### [Goal of the exercise]
Find the line with "#116=IFCINDEXEDPOLYGONALFACE((49,61,63,51));" in the entries below. Repeat it, every following line, and the line with "#145=IFCINDEXEDPOLYGONALFACE((109,111,112,110));", exactly and with nothing added.

━━━━

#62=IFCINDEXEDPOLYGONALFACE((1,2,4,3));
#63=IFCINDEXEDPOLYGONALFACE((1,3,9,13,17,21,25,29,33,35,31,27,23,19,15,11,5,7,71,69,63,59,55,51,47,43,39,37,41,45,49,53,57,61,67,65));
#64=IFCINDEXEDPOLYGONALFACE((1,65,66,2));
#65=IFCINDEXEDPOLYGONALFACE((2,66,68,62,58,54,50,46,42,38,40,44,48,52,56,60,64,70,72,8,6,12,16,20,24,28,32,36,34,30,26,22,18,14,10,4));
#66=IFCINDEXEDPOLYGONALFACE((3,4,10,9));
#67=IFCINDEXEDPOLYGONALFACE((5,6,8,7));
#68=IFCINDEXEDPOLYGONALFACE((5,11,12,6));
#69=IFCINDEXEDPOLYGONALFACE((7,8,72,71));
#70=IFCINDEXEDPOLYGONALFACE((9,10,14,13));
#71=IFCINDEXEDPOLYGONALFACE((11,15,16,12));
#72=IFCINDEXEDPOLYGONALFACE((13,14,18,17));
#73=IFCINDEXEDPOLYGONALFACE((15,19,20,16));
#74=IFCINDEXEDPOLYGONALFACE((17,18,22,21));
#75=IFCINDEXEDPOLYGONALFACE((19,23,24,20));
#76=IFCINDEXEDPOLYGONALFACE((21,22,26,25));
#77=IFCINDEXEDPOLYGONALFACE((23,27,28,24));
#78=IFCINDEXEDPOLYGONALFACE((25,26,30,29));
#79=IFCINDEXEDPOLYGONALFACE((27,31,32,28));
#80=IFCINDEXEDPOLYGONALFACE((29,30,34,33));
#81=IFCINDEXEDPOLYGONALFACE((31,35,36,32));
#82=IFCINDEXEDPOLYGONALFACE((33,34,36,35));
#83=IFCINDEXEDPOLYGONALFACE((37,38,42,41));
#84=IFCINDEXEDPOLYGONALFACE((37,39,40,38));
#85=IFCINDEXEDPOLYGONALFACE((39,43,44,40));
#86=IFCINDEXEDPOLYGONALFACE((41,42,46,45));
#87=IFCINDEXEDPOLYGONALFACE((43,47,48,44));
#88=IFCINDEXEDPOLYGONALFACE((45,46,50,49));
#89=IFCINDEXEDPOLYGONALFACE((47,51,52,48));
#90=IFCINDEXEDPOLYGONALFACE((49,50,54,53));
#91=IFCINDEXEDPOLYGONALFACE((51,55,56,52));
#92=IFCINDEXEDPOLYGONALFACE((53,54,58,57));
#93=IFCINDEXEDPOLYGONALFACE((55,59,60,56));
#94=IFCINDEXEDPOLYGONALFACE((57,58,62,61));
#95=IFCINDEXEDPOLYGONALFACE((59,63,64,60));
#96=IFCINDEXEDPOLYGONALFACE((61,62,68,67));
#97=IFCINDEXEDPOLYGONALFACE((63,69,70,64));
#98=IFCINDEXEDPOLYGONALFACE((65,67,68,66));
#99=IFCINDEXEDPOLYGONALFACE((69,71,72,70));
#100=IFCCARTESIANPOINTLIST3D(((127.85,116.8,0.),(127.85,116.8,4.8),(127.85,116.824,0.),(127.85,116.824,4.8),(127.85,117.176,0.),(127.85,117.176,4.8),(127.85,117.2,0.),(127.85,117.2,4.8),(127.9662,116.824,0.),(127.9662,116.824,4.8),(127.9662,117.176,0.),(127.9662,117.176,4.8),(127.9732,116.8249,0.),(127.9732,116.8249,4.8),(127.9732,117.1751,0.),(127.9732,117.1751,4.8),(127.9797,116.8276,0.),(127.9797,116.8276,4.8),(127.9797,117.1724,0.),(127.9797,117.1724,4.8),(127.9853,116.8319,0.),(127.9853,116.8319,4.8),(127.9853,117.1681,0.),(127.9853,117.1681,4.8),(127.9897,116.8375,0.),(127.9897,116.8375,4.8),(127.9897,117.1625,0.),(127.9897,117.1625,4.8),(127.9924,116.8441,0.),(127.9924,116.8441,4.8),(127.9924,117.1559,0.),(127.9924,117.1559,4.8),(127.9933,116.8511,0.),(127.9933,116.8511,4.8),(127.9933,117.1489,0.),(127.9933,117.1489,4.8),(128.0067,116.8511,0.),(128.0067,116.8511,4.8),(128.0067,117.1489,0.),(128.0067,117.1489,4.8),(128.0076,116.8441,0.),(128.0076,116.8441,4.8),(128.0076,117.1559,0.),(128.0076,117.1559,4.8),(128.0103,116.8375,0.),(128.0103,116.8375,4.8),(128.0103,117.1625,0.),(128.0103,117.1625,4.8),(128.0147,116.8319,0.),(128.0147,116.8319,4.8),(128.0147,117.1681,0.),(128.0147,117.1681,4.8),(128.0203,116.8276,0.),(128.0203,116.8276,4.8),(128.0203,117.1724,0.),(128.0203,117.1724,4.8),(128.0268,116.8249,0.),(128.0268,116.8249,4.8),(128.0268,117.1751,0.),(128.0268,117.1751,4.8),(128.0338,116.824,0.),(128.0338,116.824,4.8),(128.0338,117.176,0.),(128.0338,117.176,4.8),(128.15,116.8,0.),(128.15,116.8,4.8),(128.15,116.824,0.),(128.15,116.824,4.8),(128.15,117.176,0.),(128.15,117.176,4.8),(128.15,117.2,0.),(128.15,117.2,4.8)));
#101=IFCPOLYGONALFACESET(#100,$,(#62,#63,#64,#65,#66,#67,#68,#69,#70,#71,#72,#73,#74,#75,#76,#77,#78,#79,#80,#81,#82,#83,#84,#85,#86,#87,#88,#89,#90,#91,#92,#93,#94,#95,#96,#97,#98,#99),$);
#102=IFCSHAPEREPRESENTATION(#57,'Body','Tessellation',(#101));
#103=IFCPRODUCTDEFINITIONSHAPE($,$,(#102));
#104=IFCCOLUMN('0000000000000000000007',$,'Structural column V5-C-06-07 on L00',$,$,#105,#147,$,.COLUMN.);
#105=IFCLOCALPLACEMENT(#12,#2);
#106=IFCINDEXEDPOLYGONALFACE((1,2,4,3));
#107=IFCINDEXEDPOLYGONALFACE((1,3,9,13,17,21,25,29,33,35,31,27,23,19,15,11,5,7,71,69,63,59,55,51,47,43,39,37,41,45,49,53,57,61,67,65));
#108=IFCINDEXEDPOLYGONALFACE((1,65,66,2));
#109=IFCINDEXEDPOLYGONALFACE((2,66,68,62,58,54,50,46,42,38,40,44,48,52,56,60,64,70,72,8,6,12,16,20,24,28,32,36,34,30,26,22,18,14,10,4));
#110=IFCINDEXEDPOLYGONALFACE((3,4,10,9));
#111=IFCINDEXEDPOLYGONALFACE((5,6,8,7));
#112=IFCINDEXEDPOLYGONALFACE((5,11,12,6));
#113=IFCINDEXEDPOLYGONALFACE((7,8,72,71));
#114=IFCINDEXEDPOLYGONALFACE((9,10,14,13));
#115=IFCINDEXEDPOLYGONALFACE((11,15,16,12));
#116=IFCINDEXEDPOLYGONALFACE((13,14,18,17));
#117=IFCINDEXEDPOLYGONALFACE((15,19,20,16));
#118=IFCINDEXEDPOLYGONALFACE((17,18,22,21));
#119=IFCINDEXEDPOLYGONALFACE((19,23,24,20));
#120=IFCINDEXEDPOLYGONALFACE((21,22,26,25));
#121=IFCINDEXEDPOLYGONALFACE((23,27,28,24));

━━━━

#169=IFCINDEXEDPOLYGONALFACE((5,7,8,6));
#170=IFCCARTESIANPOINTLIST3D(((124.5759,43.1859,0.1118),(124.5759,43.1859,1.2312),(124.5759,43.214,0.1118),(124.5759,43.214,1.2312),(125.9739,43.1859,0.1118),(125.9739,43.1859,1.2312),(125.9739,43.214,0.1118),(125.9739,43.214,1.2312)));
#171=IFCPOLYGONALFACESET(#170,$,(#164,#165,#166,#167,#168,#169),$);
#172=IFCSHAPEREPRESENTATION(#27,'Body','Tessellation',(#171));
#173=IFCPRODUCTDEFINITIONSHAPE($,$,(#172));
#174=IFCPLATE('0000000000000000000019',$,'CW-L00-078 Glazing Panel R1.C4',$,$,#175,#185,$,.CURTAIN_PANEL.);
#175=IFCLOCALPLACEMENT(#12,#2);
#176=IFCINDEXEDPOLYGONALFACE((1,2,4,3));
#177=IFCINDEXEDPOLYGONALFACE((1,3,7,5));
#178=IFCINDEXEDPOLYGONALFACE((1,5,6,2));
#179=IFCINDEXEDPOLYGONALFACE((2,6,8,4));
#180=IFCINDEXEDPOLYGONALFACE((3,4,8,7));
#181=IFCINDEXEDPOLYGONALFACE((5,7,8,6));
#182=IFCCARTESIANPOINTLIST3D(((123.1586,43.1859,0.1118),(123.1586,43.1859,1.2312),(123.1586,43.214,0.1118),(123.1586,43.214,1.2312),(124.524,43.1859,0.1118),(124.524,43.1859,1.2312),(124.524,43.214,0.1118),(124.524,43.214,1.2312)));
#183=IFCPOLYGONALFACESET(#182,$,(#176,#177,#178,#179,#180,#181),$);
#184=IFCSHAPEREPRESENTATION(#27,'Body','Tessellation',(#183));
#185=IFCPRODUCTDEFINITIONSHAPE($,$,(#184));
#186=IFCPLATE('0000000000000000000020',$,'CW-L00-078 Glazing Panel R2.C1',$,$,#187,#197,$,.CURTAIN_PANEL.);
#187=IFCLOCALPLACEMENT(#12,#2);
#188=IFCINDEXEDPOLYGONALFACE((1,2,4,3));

━━━━

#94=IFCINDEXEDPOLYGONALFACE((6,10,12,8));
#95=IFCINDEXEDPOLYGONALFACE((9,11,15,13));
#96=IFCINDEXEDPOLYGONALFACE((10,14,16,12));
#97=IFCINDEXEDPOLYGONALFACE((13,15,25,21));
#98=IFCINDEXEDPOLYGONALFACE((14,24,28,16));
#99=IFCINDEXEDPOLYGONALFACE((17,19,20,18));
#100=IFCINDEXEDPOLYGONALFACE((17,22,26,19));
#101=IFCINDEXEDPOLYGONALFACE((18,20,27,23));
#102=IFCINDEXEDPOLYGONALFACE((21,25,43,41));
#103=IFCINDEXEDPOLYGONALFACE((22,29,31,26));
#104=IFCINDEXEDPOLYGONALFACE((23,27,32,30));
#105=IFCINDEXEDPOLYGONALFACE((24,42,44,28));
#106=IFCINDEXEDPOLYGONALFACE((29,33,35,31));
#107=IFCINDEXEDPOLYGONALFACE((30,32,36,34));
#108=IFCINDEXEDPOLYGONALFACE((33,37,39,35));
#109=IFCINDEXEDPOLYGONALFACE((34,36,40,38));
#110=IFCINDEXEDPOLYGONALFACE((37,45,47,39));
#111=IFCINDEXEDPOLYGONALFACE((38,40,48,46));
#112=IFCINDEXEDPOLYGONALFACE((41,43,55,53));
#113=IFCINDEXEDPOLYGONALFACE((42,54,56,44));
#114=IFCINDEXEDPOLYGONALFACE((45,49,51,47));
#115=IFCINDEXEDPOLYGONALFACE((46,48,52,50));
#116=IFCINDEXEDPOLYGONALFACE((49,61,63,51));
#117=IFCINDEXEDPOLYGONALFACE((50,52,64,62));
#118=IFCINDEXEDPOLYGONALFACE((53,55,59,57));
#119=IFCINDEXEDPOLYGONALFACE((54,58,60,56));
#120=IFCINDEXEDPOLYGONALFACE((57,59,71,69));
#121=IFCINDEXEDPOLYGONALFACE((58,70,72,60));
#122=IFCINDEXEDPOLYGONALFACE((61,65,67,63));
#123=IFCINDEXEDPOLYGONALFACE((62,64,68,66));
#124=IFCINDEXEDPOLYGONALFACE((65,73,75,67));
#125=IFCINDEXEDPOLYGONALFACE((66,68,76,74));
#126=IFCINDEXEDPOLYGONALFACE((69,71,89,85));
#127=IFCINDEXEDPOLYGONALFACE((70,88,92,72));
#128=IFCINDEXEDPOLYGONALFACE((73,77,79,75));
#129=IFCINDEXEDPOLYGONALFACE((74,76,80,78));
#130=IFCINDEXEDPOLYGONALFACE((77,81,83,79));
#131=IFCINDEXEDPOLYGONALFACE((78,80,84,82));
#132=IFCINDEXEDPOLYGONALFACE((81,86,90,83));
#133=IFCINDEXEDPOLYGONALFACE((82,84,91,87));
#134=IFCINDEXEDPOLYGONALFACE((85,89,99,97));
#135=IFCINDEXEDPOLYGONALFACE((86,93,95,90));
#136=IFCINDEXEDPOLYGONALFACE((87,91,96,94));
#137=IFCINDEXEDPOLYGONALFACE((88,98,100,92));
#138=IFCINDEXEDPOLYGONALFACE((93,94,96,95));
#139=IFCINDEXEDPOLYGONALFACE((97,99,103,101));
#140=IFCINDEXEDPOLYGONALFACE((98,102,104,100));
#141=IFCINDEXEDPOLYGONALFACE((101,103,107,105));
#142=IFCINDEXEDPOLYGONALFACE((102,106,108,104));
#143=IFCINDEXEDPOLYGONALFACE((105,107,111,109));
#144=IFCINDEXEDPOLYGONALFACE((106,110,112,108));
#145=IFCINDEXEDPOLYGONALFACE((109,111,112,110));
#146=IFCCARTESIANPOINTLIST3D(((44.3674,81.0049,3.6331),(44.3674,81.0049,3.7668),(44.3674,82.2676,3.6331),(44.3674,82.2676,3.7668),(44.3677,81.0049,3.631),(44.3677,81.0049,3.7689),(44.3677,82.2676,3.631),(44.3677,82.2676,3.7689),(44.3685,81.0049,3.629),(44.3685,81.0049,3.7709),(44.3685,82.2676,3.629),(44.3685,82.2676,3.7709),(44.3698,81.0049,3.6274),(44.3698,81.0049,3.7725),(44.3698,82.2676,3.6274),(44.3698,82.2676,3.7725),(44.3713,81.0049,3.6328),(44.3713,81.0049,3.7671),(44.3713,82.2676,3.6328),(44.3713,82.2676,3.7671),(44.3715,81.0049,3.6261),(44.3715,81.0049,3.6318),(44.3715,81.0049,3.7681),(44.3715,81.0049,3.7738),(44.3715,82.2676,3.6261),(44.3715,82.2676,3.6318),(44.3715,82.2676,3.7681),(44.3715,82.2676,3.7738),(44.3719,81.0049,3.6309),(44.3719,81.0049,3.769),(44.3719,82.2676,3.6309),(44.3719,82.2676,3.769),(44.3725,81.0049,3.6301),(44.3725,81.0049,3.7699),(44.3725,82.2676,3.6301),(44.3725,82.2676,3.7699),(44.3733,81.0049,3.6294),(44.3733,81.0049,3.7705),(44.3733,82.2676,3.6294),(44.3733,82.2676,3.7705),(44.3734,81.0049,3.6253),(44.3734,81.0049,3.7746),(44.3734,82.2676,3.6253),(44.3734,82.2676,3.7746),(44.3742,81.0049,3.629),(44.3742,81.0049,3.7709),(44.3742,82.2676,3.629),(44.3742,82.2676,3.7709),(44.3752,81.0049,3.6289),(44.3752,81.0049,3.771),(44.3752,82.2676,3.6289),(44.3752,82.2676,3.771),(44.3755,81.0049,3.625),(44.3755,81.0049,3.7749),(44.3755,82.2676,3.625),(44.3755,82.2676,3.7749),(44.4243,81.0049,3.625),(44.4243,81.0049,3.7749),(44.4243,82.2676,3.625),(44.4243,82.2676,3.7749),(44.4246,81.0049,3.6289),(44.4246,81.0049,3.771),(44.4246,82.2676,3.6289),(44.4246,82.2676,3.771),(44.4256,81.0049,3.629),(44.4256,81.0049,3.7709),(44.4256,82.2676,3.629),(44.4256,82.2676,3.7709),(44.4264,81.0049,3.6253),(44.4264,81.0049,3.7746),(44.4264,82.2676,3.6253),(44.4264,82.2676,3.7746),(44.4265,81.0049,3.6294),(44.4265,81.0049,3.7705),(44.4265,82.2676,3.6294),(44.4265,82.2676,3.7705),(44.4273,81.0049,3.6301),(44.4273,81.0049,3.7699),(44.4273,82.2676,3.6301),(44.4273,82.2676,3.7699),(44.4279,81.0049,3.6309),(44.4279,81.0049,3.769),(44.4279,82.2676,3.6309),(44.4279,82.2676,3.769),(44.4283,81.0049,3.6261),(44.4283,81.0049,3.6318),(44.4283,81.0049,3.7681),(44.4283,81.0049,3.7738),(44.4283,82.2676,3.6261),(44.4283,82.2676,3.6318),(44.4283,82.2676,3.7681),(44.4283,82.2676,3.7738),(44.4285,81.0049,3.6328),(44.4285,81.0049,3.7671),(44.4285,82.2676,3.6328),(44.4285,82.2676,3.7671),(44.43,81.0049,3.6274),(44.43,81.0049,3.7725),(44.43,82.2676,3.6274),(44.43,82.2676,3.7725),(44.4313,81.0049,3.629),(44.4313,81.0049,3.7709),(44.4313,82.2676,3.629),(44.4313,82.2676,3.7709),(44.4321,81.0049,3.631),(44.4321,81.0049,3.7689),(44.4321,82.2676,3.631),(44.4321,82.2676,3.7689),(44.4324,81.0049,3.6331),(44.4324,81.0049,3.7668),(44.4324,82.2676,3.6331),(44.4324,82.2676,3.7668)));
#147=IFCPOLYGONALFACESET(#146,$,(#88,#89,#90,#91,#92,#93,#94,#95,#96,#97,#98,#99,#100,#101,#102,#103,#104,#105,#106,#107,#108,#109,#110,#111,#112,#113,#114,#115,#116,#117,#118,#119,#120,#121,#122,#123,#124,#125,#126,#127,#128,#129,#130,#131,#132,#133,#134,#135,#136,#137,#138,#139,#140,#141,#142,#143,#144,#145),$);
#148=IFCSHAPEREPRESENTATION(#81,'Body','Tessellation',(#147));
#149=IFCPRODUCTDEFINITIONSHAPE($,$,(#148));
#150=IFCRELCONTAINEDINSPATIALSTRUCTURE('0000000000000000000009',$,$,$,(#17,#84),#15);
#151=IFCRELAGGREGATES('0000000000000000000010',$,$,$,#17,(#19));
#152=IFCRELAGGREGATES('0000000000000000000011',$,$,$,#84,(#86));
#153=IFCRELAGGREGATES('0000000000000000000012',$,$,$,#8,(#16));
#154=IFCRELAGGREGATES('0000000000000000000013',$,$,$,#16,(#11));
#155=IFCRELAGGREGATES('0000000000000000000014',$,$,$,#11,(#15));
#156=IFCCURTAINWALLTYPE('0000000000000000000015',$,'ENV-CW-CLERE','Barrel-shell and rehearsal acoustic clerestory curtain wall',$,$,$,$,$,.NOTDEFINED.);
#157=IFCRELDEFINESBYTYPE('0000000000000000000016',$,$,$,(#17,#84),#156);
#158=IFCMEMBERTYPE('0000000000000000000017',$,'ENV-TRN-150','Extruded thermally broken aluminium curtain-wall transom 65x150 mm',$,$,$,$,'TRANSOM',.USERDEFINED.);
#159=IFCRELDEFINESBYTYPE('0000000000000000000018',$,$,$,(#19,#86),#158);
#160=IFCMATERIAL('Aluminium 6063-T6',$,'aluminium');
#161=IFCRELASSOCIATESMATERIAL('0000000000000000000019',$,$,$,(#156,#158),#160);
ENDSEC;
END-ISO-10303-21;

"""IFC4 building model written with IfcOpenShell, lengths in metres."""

━━━━

### [Answer]
#116=IFCINDEXEDPOLYGONALFACE((49,61,63,51));
#117=IFCINDEXEDPOLYGONALFACE((50,52,64,62));
#118=IFCINDEXEDPOLYGONALFACE((53,55,59,57));
#119=IFCINDEXEDPOLYGONALFACE((54,58,60,56));
#120=IFCINDEXEDPOLYGONALFACE((57,59,71,69));
#121=IFCINDEXEDPOLYGONALFACE((58,70,72,60));
#122=IFCINDEXEDPOLYGONALFACE((61,65,67,63));
#123=IFCINDEXEDPOLYGONALFACE((62,64,68,66));
#124=IFCINDEXEDPOLYGONALFACE((65,73,75,67));
#125=IFCINDEXEDPOLYGONALFACE((66,68,76,74));
#126=IFCINDEXEDPOLYGONALFACE((69,71,89,85));
#127=IFCINDEXEDPOLYGONALFACE((70,88,92,72));
#128=IFCINDEXEDPOLYGONALFACE((73,77,79,75));
#129=IFCINDEXEDPOLYGONALFACE((74,76,80,78));
#130=IFCINDEXEDPOLYGONALFACE((77,81,83,79));
#131=IFCINDEXEDPOLYGONALFACE((78,80,84,82));
#132=IFCINDEXEDPOLYGONALFACE((81,86,90,83));
#133=IFCINDEXEDPOLYGONALFACE((82,84,91,87));
#134=IFCINDEXEDPOLYGONALFACE((85,89,99,97));
#135=IFCINDEXEDPOLYGONALFACE((86,93,95,90));
#136=IFCINDEXEDPOLYGONALFACE((87,91,96,94));
#137=IFCINDEXEDPOLYGONALFACE((88,98,100,92));
#138=IFCINDEXEDPOLYGONALFACE((93,94,96,95));
#139=IFCINDEXEDPOLYGONALFACE((97,99,103,101));
#140=IFCINDEXEDPOLYGONALFACE((98,102,104,100));
#141=IFCINDEXEDPOLYGONALFACE((101,103,107,105));
#142=IFCINDEXEDPOLYGONALFACE((102,106,108,104));
#143=IFCINDEXEDPOLYGONALFACE((105,107,111,109));
#144=IFCINDEXEDPOLYGONALFACE((106,110,112,108));
#145=IFCINDEXEDPOLYGONALFACE((109,111,112,110));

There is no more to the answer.